Collected data entries:
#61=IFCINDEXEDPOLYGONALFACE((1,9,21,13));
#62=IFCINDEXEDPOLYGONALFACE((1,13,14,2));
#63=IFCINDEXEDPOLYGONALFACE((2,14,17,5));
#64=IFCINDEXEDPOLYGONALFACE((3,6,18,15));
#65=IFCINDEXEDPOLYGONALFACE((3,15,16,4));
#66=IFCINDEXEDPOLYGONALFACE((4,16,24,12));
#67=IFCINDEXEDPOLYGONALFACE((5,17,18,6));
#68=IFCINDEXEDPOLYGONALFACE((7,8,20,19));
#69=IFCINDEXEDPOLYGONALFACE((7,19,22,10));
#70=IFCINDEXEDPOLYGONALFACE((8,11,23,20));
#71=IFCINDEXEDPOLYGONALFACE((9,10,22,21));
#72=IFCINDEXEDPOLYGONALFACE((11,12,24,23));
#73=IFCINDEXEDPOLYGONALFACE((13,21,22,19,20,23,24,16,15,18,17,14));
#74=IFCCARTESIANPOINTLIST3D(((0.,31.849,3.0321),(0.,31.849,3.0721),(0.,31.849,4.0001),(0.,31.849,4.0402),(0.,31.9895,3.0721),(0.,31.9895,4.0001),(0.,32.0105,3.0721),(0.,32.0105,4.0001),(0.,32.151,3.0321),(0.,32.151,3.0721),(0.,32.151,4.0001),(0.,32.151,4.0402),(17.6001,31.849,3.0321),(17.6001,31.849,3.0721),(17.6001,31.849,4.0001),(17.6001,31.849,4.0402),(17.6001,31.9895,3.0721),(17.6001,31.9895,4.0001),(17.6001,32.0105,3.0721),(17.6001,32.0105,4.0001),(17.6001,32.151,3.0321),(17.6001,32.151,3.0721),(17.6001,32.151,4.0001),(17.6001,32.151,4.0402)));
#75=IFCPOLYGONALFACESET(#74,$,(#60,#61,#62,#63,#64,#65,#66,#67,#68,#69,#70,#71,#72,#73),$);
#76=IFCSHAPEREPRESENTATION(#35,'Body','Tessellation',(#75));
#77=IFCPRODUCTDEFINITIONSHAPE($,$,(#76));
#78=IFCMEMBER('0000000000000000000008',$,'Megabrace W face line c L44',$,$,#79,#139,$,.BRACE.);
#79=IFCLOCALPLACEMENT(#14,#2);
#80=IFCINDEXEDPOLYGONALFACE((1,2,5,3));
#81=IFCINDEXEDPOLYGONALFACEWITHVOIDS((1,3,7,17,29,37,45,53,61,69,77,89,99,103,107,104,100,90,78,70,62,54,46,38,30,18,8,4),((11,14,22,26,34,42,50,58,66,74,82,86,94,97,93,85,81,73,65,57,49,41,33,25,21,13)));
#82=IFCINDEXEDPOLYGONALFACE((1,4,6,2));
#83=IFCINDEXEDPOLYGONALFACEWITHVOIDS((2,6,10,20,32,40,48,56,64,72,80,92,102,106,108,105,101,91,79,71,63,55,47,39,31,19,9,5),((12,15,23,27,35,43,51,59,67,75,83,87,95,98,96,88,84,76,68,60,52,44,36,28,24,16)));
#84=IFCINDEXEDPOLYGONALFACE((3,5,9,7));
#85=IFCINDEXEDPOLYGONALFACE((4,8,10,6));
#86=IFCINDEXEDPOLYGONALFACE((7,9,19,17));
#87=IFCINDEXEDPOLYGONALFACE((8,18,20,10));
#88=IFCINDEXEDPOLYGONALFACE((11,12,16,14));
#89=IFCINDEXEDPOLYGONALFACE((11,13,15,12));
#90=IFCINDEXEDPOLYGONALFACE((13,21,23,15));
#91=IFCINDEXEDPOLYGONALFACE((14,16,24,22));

---

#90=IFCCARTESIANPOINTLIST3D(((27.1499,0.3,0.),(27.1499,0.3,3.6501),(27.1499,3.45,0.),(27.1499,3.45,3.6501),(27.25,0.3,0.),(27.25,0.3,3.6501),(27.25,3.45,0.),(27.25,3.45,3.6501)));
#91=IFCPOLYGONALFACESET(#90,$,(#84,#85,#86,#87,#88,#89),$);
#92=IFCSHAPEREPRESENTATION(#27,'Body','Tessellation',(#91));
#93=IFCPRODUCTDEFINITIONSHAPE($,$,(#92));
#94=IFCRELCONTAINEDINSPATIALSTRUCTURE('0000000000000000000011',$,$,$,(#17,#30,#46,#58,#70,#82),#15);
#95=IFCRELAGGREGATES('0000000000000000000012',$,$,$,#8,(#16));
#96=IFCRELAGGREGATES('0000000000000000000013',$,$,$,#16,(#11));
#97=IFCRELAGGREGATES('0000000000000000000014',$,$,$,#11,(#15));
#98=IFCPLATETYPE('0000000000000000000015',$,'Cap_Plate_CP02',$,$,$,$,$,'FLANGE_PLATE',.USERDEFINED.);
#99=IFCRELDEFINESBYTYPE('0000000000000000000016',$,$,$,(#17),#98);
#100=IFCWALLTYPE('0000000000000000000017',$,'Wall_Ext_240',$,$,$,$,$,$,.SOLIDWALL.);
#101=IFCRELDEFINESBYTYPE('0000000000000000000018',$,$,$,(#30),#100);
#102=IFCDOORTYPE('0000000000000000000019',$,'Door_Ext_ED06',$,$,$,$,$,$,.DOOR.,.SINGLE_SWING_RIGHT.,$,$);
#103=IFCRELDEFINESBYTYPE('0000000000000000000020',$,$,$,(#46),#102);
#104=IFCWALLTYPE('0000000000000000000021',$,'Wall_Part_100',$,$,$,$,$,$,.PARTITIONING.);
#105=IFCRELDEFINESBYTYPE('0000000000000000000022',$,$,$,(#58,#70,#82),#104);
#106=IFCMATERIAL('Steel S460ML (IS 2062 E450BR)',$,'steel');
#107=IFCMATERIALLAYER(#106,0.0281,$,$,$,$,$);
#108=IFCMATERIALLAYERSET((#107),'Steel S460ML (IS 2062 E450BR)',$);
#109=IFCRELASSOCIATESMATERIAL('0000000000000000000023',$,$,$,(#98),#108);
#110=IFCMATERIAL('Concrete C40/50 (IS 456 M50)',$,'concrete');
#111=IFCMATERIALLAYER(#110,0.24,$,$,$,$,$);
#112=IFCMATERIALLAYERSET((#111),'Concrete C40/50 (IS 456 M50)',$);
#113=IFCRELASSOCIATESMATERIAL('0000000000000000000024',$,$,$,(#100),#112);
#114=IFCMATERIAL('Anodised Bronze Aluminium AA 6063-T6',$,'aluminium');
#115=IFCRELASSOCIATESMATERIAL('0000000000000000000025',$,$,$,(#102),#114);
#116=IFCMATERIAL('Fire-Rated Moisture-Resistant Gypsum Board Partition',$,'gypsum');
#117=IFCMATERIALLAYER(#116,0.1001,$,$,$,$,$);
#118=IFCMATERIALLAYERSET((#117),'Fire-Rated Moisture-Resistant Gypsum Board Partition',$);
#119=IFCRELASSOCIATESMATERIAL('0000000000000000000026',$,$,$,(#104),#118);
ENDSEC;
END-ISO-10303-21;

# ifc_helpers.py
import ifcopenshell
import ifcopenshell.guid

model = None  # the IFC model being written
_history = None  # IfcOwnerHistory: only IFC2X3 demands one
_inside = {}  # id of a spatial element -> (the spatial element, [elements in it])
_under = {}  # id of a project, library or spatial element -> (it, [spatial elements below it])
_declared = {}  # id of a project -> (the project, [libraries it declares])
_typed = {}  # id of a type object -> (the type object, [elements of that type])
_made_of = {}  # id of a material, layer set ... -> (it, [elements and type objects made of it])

__Task directions__:
Go line by line through the data, copying each one that contains the word "ifcopenshell".

__Expected output__:
import ifcopenshell
import ifcopenshell.guid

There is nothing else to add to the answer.